(Dataset entries)
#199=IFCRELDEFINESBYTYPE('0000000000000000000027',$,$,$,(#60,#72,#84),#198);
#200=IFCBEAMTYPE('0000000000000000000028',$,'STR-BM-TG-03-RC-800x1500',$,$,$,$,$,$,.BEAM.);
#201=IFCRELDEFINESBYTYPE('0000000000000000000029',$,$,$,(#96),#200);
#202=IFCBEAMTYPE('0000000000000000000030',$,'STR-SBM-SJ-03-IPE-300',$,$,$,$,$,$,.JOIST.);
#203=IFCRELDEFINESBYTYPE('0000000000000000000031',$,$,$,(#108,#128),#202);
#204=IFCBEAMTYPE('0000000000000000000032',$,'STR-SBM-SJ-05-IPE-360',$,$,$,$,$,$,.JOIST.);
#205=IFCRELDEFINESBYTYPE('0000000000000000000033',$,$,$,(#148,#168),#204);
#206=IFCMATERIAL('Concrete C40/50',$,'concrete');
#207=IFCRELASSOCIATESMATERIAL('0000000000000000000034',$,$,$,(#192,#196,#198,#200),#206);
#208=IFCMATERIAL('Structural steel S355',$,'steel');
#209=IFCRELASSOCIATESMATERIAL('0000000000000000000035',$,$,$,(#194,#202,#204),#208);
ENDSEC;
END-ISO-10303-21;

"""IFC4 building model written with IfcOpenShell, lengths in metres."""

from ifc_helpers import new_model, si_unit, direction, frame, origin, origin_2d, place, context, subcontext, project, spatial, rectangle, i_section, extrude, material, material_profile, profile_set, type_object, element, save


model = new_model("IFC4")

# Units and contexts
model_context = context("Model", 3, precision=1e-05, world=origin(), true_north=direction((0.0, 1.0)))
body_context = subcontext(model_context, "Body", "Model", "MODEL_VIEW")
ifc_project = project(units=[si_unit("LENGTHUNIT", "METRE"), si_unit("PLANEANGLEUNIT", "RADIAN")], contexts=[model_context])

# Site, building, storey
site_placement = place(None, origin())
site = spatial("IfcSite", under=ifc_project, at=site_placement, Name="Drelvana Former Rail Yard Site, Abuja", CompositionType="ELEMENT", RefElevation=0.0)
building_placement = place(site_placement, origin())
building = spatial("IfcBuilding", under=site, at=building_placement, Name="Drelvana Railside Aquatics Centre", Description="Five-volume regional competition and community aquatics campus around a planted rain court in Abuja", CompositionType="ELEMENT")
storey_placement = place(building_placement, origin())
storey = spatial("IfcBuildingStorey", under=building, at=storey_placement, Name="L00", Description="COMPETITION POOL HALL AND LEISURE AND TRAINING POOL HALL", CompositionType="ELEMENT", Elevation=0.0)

* Instructions to follow
All of the data above needs to be set down again exactly. Include every line.

* Answer for the task
#199=IFCRELDEFINESBYTYPE('0000000000000000000027',$,$,$,(#60,#72,#84),#198);
#200=IFCBEAMTYPE('0000000000000000000028',$,'STR-BM-TG-03-RC-800x1500',$,$,$,$,$,$,.BEAM.);
#201=IFCRELDEFINESBYTYPE('0000000000000000000029',$,$,$,(#96),#200);
#202=IFCBEAMTYPE('0000000000000000000030',$,'STR-SBM-SJ-03-IPE-300',$,$,$,$,$,$,.JOIST.);
#203=IFCRELDEFINESBYTYPE('0000000000000000000031',$,$,$,(#108,#128),#202);
#204=IFCBEAMTYPE('0000000000000000000032',$,'STR-SBM-SJ-05-IPE-360',$,$,$,$,$,$,.JOIST.);
#205=IFCRELDEFINESBYTYPE('0000000000000000000033',$,$,$,(#148,#168),#204);
#206=IFCMATERIAL('Concrete C40/50',$,'concrete');
#207=IFCRELASSOCIATESMATERIAL('0000000000000000000034',$,$,$,(#192,#196,#198,#200),#206);
#208=IFCMATERIAL('Structural steel S355',$,'steel');
#209=IFCRELASSOCIATESMATERIAL('0000000000000000000035',$,$,$,(#194,#202,#204),#208);
ENDSEC;
END-ISO-10303-21;

"""IFC4 building model written with IfcOpenShell, lengths in metres."""

from ifc_helpers import new_model, si_unit, direction, frame, origin, origin_2d, place, context, subcontext, project, spatial, rectangle, i_section, extrude, material, material_profile, profile_set, type_object, element, save


model = new_model("IFC4")

# Units and contexts
model_context = context("Model", 3, precision=1e-05, world=origin(), true_north=direction((0.0, 1.0)))
body_context = subcontext(model_context, "Body", "Model", "MODEL_VIEW")
ifc_project = project(units=[si_unit("LENGTHUNIT", "METRE"), si_unit("PLANEANGLEUNIT", "RADIAN")], contexts=[model_context])

# Site, building, storey
site_placement = place(None, origin())
site = spatial("IfcSite", under=ifc_project, at=site_placement, Name="Drelvana Former Rail Yard Site, Abuja", CompositionType="ELEMENT", RefElevation=0.0)
building_placement = place(site_placement, origin())
building = spatial("IfcBuilding", under=site, at=building_placement, Name="Drelvana Railside Aquatics Centre", Description="Five-volume regional competition and community aquatics campus around a planted rain court in Abuja", CompositionType="ELEMENT")
storey_placement = place(building_placement, origin())
storey = spatial("IfcBuildingStorey", under=building, at=storey_placement, Name="L00", Description="COMPETITION POOL HALL AND LEISURE AND TRAINING POOL HALL", CompositionType="ELEMENT", Elevation=0.0)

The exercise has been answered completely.